Exercise instructions |
Search the records below for the word "direction", then return every line where it appears.

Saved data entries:
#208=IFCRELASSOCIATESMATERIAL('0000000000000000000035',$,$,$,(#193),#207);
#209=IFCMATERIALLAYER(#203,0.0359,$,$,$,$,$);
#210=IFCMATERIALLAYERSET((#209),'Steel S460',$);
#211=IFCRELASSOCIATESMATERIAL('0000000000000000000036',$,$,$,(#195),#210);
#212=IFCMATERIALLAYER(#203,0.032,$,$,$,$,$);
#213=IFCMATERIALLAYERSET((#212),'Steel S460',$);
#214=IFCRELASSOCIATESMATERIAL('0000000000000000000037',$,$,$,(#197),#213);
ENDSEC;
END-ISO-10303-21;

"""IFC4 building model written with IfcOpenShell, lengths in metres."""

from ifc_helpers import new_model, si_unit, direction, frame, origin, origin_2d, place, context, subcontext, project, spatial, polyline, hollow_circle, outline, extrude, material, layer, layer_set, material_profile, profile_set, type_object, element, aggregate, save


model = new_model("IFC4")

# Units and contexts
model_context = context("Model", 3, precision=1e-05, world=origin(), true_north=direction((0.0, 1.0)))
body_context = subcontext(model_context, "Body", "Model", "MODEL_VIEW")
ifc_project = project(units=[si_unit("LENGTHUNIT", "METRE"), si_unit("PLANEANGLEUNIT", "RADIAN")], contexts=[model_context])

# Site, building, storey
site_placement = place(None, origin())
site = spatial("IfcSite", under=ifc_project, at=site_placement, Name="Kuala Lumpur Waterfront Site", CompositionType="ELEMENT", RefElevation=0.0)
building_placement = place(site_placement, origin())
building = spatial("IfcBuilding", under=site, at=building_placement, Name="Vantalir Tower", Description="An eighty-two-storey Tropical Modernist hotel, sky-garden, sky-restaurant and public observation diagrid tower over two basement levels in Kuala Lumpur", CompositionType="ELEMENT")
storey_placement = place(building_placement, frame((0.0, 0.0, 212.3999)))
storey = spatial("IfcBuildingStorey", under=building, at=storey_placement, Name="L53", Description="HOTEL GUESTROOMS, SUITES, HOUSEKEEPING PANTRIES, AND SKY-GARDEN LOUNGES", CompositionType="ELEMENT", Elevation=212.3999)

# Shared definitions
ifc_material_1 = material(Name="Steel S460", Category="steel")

Output of the task |
from ifc_helpers import new_model, si_unit, direction, frame, origin, origin_2d, place, context, subcontext, project, spatial, polyline, hollow_circle, outline, extrude, material, layer, layer_set, material_profile, profile_set, type_object, element, aggregate, save
model_context = context("Model", 3, precision=1e-05, world=origin(), true_north=direction((0.0, 1.0)))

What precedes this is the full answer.